(Stored data)
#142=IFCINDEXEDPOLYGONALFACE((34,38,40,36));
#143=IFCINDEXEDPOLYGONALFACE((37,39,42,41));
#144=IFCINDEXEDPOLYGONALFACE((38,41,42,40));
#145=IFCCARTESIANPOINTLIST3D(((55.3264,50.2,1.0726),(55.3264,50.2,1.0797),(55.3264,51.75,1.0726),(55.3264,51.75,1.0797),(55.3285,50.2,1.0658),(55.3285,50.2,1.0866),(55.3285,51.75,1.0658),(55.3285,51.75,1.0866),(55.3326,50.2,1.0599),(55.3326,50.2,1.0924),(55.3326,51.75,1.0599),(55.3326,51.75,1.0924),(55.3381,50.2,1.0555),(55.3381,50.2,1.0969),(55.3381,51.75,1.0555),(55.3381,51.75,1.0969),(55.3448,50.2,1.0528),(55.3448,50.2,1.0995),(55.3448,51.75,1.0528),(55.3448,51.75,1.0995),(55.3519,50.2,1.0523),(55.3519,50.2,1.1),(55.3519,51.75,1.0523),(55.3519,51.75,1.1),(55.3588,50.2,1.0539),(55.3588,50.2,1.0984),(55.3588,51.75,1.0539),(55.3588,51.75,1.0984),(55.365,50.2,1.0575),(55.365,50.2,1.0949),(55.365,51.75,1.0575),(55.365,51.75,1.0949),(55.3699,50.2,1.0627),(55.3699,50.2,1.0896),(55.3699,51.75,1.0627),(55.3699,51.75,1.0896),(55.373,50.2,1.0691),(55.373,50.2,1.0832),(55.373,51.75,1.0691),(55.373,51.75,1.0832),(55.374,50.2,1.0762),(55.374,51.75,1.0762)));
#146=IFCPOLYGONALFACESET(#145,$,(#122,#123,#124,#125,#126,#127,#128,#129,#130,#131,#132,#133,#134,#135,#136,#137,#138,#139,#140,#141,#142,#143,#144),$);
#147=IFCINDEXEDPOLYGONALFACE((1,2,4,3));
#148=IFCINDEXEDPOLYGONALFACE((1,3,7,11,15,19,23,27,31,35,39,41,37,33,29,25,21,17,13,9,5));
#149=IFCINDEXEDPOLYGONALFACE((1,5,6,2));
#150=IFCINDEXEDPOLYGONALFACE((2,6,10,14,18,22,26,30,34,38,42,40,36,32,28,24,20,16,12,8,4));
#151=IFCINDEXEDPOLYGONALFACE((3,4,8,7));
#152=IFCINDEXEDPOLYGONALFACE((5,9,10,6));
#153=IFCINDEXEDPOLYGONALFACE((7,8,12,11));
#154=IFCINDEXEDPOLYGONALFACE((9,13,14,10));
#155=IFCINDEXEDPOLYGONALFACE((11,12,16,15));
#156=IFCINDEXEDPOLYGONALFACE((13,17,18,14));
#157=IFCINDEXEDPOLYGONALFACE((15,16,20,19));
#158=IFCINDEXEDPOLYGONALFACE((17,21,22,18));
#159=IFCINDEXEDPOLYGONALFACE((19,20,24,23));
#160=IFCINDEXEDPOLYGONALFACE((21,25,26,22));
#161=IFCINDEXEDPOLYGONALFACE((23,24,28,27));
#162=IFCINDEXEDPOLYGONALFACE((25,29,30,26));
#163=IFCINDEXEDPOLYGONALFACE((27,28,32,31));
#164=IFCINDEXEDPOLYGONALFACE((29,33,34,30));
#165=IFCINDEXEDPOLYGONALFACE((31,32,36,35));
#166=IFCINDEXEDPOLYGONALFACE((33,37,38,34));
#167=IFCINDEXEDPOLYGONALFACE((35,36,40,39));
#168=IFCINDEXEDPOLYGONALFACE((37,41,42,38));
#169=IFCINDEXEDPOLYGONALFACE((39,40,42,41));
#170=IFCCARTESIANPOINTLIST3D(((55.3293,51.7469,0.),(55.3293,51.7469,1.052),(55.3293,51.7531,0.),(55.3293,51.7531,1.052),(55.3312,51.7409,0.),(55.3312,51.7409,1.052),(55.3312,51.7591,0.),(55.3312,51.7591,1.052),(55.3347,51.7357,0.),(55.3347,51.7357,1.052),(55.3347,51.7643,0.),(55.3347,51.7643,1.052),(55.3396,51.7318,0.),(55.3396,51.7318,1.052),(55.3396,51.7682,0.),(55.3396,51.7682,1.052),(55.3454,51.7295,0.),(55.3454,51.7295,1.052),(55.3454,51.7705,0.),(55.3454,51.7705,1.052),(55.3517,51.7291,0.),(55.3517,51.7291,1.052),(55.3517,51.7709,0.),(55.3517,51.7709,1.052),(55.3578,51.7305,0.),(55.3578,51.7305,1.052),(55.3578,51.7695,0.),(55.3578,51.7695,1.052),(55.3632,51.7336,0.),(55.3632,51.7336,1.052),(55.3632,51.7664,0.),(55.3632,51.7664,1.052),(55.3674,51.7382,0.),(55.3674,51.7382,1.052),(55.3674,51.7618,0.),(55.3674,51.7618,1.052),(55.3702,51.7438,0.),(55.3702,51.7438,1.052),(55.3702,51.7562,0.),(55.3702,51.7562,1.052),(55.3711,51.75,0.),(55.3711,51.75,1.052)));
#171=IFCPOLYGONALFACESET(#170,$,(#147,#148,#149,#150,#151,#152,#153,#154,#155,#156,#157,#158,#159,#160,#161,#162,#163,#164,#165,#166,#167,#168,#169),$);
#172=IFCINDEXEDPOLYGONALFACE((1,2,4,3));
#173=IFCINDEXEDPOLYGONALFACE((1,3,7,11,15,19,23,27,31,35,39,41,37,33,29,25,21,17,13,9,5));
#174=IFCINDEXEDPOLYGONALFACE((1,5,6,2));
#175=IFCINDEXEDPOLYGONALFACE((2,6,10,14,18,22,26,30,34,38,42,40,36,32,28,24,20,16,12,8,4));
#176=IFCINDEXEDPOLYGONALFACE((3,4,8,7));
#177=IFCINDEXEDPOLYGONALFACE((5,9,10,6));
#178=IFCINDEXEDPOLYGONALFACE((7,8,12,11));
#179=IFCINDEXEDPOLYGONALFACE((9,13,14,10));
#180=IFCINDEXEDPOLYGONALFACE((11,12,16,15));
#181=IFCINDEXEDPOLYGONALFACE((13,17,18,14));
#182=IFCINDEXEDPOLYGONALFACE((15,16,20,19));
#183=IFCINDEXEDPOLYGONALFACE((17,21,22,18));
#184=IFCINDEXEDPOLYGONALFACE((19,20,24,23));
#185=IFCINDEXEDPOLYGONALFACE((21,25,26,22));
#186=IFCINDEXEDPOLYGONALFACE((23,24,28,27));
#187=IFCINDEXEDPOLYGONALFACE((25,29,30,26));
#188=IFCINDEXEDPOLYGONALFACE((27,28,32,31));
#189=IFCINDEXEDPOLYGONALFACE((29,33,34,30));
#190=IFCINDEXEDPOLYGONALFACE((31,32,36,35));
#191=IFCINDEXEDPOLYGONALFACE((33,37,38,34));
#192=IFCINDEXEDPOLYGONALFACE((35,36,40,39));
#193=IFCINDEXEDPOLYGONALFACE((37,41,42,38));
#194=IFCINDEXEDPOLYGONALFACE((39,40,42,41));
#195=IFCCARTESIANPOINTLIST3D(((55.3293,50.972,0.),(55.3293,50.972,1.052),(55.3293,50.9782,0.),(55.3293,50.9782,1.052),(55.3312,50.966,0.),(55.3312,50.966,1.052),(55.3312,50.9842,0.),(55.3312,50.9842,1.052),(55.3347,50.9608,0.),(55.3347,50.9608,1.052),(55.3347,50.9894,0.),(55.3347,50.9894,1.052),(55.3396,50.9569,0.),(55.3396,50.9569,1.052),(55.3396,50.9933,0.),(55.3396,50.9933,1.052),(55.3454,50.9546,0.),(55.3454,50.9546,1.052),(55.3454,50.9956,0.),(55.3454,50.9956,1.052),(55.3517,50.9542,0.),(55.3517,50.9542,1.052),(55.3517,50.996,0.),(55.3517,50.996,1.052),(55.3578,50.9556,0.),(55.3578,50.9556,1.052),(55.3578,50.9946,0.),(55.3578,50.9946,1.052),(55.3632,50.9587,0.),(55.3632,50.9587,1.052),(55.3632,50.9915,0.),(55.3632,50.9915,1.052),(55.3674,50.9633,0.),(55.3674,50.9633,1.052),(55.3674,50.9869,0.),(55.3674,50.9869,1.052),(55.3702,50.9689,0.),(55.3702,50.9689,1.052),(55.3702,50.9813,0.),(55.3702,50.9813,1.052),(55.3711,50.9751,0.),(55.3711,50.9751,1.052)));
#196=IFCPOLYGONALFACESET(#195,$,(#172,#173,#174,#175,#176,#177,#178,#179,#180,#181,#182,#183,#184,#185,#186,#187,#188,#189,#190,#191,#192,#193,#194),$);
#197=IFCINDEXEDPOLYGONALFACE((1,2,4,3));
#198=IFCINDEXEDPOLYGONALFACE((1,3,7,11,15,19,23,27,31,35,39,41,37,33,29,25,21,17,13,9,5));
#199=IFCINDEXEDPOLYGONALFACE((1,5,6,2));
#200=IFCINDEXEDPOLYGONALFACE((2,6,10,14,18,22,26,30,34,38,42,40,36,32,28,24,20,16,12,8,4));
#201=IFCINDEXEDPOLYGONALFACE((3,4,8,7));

### The problem
I'd like an exact copy of the lines above, from the very first one through the line that contains "#144=IFCINDEXEDPOLYGONALFACE((38,41,42,40));", with nothing else added.

### Written response
#142=IFCINDEXEDPOLYGONALFACE((34,38,40,36));
#143=IFCINDEXEDPOLYGONALFACE((37,39,42,41));
#144=IFCINDEXEDPOLYGONALFACE((38,41,42,40));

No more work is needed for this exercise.